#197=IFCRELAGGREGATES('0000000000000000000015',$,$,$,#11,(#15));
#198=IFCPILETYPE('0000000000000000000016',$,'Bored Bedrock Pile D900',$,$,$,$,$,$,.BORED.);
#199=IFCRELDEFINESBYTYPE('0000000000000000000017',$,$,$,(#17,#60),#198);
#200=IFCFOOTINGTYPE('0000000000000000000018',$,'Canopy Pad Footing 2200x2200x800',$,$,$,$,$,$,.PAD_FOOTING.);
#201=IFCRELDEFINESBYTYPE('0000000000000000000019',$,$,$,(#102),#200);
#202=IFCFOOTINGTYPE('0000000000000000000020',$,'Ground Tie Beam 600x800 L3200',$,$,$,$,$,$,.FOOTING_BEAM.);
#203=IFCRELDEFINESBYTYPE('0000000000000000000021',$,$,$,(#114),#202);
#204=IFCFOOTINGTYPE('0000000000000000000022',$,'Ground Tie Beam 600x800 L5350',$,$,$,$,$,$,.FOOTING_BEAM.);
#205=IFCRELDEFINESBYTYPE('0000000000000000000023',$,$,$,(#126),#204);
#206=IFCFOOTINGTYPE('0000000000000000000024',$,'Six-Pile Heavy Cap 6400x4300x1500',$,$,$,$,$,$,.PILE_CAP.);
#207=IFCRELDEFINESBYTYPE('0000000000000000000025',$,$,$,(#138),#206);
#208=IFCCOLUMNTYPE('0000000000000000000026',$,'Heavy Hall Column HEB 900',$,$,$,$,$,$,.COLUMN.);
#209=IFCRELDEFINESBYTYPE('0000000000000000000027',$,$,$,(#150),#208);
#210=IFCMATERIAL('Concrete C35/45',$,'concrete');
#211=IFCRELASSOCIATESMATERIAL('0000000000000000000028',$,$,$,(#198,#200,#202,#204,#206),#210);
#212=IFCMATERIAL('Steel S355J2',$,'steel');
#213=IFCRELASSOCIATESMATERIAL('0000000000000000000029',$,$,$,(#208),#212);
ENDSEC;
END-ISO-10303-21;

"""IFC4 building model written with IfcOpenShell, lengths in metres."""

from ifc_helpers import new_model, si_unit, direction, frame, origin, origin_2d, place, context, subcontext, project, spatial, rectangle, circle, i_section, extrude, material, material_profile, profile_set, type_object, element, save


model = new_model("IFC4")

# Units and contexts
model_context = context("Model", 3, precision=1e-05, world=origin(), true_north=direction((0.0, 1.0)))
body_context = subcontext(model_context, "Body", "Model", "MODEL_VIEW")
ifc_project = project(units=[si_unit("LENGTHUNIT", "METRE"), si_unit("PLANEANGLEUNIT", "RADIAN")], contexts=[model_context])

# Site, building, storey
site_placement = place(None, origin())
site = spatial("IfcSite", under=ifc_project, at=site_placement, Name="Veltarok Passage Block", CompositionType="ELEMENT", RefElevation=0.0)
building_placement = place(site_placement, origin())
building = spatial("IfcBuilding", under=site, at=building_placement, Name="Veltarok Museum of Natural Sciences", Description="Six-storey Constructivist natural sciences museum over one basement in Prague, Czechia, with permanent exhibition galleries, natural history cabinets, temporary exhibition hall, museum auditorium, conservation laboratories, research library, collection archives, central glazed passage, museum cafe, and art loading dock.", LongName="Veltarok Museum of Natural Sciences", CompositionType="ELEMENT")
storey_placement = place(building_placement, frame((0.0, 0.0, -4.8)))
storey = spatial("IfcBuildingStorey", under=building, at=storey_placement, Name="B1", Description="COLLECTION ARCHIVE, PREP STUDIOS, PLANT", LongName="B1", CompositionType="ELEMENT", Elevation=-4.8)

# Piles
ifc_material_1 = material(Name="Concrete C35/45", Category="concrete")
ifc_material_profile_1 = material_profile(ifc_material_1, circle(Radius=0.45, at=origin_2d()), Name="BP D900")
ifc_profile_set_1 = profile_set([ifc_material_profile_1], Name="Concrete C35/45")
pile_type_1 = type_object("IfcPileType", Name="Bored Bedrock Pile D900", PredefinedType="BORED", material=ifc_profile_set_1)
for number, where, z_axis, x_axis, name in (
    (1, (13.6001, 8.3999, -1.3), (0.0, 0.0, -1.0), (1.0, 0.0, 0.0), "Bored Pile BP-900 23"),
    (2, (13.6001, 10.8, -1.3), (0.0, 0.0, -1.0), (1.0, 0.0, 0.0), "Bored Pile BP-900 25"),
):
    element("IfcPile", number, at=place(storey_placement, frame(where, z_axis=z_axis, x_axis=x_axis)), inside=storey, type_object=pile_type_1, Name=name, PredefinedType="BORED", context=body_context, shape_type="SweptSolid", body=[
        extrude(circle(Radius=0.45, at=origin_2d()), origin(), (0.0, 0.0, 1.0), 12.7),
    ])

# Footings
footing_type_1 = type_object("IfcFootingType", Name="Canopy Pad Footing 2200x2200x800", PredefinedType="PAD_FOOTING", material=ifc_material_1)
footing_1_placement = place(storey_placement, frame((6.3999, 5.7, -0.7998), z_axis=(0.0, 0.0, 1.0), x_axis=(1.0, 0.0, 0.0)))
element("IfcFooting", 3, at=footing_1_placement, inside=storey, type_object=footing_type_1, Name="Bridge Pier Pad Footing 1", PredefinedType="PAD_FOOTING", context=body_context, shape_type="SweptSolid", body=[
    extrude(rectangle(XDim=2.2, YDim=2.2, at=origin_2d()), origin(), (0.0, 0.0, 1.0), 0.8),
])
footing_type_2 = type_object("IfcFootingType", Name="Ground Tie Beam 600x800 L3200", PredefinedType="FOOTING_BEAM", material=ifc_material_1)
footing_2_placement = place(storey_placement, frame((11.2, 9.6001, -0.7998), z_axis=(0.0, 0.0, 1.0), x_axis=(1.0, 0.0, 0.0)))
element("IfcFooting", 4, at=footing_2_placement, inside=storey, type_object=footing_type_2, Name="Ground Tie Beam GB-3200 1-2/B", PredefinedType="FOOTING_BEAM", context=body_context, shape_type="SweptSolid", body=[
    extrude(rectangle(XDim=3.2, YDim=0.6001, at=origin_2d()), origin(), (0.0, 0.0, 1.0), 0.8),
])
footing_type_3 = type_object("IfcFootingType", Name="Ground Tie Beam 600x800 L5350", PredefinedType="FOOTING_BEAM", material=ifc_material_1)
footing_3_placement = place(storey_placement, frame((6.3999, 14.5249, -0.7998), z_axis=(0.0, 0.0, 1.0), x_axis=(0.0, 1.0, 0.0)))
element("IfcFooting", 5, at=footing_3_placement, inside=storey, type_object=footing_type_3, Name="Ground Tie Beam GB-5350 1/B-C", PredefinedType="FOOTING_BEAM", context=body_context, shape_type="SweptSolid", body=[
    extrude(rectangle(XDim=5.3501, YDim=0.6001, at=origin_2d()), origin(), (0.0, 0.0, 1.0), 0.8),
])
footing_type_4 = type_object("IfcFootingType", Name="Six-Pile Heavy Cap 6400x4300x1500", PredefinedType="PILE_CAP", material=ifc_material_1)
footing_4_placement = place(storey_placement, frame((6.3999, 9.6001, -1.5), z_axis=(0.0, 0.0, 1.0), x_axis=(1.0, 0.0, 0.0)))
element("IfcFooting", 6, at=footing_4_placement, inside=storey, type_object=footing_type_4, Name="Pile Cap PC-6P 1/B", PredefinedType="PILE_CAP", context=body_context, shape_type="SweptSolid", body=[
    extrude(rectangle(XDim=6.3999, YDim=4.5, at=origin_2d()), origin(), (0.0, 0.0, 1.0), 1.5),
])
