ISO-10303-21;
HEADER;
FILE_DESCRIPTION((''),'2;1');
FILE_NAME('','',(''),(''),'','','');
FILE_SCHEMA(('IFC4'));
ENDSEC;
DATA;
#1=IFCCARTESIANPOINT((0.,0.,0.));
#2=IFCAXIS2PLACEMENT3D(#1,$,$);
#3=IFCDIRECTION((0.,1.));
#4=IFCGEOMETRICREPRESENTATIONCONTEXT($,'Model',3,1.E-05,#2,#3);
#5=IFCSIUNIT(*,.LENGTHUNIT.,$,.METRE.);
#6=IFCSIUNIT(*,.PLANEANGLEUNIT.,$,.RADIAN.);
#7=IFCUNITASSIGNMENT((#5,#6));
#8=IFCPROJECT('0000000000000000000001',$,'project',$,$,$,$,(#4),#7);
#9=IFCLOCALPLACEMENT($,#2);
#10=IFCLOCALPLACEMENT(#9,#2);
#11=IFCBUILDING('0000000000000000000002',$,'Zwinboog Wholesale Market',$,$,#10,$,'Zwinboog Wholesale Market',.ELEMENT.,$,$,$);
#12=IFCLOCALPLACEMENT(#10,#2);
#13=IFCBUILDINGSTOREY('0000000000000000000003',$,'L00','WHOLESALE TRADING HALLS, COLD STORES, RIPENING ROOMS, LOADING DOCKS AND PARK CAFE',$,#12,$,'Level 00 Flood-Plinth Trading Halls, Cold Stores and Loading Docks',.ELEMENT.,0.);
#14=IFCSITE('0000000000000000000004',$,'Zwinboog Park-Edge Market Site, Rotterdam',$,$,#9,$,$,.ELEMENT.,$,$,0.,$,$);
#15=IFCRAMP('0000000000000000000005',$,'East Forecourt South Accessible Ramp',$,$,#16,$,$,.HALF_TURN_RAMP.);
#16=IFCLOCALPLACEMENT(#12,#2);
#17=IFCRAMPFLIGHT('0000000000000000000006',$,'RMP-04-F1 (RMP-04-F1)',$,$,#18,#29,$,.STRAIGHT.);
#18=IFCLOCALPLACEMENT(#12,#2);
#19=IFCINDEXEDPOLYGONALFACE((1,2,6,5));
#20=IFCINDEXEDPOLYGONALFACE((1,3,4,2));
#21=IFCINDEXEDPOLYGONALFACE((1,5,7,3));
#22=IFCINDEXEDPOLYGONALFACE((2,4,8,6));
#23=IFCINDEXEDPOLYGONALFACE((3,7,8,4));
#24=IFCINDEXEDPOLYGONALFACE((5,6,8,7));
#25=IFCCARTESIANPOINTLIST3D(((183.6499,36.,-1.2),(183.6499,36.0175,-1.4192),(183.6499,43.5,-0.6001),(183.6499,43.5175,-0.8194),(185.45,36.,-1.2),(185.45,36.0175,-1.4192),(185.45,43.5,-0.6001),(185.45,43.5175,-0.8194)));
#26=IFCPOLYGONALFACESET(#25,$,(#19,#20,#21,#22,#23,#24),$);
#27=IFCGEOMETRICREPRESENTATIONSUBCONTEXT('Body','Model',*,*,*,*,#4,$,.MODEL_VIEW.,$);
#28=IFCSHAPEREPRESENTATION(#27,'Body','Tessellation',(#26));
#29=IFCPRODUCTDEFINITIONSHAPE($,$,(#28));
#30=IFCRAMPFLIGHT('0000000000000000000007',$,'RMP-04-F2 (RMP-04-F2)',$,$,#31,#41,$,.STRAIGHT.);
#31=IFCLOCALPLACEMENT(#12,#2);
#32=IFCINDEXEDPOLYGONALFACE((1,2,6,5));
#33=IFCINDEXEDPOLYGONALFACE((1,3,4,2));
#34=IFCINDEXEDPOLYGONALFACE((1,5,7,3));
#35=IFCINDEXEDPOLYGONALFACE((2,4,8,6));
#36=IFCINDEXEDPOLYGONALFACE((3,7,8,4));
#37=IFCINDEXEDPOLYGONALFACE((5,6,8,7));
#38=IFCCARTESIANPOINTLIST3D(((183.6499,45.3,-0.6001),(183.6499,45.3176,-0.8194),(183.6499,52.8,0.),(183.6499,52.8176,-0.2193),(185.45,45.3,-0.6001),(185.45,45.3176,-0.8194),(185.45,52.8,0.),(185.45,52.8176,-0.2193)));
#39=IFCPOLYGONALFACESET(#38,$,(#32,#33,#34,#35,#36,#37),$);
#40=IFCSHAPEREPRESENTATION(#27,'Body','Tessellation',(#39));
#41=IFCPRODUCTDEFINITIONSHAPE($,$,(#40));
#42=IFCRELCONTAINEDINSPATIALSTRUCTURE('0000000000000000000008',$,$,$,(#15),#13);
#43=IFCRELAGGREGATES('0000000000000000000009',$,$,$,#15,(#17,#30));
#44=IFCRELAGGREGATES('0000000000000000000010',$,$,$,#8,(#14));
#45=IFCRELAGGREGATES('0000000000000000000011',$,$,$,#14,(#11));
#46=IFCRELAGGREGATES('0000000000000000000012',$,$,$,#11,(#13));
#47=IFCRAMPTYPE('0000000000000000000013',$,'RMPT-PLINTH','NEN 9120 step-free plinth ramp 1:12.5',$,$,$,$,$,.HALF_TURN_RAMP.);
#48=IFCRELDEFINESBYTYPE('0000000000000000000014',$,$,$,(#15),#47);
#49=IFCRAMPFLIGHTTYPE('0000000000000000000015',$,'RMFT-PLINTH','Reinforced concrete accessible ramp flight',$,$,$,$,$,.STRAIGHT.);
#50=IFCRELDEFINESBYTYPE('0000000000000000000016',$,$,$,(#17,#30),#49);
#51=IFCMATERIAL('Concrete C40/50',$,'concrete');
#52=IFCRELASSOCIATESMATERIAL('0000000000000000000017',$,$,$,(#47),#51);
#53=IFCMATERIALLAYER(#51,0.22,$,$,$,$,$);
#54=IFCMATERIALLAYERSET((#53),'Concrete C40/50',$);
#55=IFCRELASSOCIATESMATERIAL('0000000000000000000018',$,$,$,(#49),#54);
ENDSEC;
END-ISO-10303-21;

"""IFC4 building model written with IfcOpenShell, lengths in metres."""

from ifc_helpers import new_model, si_unit, direction, frame, origin, place, context, subcontext, project, spatial, polyline, outline, extrude, material, layer, layer_set, type_object, element, aggregate, save


model = new_model("IFC4")

# Units and contexts
model_context = context("Model", 3, precision=1e-05, world=origin(), true_north=direction((0.0, 1.0)))
body_context = subcontext(model_context, "Body", "Model", "MODEL_VIEW")
ifc_project = project(units=[si_unit("LENGTHUNIT", "METRE"), si_unit("PLANEANGLEUNIT", "RADIAN")], contexts=[model_context])

# Site, building, storey
site_placement = place(None, origin())
site = spatial("IfcSite", under=ifc_project, at=site_placement, Name="Zwinboog Park-Edge Market Site, Rotterdam", CompositionType="ELEMENT", RefElevation=0.0)
building_placement = place(site_placement, origin())
building = spatial("IfcBuilding", under=site, at=building_placement, Name="Zwinboog Wholesale Market", LongName="Zwinboog Wholesale Market", CompositionType="ELEMENT")
storey_placement = place(building_placement, origin())
storey = spatial("IfcBuildingStorey", under=building, at=storey_placement, Name="L00", Description="WHOLESALE TRADING HALLS, COLD STORES, RIPENING ROOMS, LOADING DOCKS AND PARK CAFE", LongName="Level 00 Flood-Plinth Trading Halls, Cold Stores and Loading Docks", CompositionType="ELEMENT", Elevation=0.0)

# Shared definitions
ifc_material_1 = material(Name="Concrete C40/50", Category="concrete")

# Ramp, ramp flights
ramp_type = type_object("IfcRampType", Name="RMPT-PLINTH", Description="NEN 9120 step-free plinth ramp 1:12.5", PredefinedType="HALF_TURN_RAMP", material=ifc_material_1)
ramp_placement = place(storey_placement, origin())
ramp = element("IfcRamp", 1, at=ramp_placement, inside=storey, type_object=ramp_type, Name="East Forecourt South Accessible Ramp", PredefinedType="HALF_TURN_RAMP")
ifc_layer_1 = layer(ifc_material_1, 0.22)
ifc_layer_set_1 = layer_set([ifc_layer_1], Name="Concrete C40/50")
ramp_flight_type = type_object("IfcRampFlightType", Name="RMFT-PLINTH", Description="Reinforced concrete accessible ramp flight", PredefinedType="STRAIGHT", material=ifc_layer_set_1)
ramp_flight_1_placement = place(storey_placement, frame((183.6499, 36.0, -1.2), z_axis=(0.0, -0.079726, 0.996817), x_axis=(1.0, 0.0, 0.0)))
ramp_flight_1 = element("IfcRampFlight", 2, at=ramp_flight_1_placement, type_object=ramp_flight_type, Name="RMP-04-F1 (RMP-04-F1)", PredefinedType="STRAIGHT", context=body_context, shape_type="SweptSolid", body=[
    extrude(outline(polyline([(0.0, 0.0), (1.8, 0.0), (1.8, 7.524), (0.0, 7.524), (0.0, 0.0)])), origin(), (0.0, 0.0, -1.0), 0.22),
])
ramp_flight_2_placement = place(storey_placement, frame((183.6499, 45.3, -0.6001), z_axis=(0.0, -0.079758, 0.996814), x_axis=(1.0, 0.0, 0.0)))
ramp_flight_2 = element("IfcRampFlight", 3, at=ramp_flight_2_placement, type_object=ramp_flight_type, Name="RMP-04-F2 (RMP-04-F2)", PredefinedType="STRAIGHT", context=body_context, shape_type="SweptSolid", body=[
    extrude(outline(polyline([(0.0, 0.0), (1.8, 0.0), (1.8, 7.524), (0.0, 7.524), (0.0, 0.0)])), origin(), (0.0, 0.0, -1.0), 0.22),
])
aggregate(ramp, [ramp_flight_1, ramp_flight_2])

save(model, "model.ifc")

■ ■ ■ ■ ■ ■ ■

▸ **Directions for this task**:
Count the lines of the material above that contain the word "Heavy", then give only that count.

▸ **Answer to this exercise**:
3